* _Material for the task_:
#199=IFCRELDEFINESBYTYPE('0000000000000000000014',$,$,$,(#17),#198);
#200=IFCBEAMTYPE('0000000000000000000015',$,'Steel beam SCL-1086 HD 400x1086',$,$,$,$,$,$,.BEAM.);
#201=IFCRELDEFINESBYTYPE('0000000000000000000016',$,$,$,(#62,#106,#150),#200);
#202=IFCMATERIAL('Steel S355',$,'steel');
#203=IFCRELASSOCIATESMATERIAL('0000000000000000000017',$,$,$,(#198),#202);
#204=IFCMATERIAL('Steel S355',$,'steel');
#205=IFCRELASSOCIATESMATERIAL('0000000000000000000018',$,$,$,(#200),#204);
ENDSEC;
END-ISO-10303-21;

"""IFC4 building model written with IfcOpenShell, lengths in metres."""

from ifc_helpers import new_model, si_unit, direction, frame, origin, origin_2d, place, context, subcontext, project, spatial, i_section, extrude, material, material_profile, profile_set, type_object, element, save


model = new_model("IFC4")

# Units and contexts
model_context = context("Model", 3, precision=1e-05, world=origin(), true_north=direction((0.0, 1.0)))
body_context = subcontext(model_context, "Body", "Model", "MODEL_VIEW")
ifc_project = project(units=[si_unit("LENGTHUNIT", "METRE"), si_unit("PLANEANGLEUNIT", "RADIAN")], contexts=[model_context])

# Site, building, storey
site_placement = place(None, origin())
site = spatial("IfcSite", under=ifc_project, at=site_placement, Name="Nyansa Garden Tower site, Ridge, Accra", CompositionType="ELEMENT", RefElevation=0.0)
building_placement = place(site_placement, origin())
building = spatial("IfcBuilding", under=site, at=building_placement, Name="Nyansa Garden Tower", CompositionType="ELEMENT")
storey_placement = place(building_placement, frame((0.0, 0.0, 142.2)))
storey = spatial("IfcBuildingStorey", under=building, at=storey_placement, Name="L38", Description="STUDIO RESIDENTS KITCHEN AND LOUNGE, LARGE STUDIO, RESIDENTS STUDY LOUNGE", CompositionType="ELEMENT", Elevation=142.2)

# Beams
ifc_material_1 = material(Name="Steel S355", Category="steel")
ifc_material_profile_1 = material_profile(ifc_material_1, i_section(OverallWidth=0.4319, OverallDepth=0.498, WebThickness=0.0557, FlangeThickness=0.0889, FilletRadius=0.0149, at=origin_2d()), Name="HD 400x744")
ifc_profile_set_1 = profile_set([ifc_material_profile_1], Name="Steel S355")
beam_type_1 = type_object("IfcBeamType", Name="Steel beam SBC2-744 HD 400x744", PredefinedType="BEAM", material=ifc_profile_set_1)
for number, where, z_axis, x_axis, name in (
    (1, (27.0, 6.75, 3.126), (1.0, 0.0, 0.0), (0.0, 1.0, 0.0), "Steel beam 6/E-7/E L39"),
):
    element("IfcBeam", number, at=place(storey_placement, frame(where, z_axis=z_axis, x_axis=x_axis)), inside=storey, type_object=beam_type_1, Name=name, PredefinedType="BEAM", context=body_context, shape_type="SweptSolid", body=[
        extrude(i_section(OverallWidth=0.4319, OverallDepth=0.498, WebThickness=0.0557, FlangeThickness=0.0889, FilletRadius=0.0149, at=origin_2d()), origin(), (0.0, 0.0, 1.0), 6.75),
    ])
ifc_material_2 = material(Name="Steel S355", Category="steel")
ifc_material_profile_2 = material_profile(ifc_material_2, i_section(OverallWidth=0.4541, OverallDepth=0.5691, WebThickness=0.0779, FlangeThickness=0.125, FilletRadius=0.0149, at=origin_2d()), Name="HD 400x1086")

--

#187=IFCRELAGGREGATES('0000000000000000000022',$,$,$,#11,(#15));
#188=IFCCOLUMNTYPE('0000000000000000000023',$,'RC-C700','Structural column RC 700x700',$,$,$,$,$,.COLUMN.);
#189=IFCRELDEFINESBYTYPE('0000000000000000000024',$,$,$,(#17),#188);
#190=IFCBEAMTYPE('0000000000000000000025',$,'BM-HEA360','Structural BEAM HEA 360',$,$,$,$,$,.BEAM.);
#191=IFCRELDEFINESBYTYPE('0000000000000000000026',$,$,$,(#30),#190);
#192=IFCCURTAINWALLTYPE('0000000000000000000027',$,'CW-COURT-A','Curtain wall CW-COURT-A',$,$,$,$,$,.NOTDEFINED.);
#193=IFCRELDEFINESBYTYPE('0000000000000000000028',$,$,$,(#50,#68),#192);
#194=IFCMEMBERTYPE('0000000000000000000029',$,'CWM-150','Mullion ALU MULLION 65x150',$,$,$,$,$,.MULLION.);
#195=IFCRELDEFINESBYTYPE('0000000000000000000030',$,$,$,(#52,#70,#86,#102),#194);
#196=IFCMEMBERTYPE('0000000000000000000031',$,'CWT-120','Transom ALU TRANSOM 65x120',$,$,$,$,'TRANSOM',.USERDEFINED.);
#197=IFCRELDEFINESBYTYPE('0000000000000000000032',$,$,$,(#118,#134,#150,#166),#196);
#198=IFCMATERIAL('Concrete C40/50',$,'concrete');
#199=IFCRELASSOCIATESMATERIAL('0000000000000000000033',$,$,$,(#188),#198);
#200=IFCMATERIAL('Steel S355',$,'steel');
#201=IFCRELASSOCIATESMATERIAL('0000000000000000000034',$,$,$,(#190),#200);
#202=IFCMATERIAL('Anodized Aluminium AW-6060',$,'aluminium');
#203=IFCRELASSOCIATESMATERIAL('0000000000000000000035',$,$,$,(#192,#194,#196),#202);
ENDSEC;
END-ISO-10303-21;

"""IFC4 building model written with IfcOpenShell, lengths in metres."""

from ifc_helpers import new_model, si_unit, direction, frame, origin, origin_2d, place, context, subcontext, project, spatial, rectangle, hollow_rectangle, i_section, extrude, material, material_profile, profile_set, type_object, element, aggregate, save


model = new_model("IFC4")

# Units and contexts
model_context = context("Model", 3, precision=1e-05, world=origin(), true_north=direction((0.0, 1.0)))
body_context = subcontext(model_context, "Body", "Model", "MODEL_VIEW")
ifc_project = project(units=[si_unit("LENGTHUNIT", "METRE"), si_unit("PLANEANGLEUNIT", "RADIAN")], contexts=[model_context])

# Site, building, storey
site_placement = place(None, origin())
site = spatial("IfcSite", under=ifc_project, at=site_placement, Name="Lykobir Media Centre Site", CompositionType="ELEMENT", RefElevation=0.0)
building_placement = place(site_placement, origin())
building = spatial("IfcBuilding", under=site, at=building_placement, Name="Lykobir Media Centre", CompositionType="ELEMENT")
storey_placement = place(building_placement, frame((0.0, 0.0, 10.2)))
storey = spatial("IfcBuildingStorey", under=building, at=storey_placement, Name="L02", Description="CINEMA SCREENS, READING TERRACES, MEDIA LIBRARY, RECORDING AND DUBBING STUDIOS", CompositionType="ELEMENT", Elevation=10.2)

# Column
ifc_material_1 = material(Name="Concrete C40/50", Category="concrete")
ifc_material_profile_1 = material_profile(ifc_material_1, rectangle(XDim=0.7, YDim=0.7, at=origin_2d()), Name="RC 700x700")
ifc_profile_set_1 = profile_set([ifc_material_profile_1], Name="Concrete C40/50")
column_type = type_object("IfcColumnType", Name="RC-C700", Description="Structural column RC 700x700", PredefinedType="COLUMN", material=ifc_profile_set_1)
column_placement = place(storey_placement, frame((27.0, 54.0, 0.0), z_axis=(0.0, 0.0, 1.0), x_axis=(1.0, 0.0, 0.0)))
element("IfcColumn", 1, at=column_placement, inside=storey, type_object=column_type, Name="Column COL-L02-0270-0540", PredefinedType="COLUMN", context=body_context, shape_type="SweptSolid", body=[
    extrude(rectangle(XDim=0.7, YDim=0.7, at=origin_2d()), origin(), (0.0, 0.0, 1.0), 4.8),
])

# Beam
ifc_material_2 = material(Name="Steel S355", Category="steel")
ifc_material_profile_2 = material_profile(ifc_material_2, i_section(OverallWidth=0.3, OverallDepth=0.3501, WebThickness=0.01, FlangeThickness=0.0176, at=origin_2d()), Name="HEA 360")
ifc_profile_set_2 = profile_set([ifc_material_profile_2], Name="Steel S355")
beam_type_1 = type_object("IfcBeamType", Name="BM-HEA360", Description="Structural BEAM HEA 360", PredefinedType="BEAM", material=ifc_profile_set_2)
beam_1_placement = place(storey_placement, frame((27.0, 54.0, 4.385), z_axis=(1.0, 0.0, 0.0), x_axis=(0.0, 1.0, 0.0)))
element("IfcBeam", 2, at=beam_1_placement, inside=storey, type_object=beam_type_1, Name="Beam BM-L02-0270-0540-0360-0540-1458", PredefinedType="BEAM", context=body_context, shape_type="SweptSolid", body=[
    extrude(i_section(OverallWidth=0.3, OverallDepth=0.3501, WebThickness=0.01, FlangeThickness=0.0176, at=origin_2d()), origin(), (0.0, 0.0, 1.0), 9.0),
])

* _Required work_: A complete answer lists each line of the data that holds the word "Tower".

* _Solution_:
site = spatial("IfcSite", under=ifc_project, at=site_placement, Name="Nyansa Garden Tower site, Ridge, Accra", CompositionType="ELEMENT", RefElevation=0.0)
building = spatial("IfcBuilding", under=site, at=building_placement, Name="Nyansa Garden Tower", CompositionType="ELEMENT")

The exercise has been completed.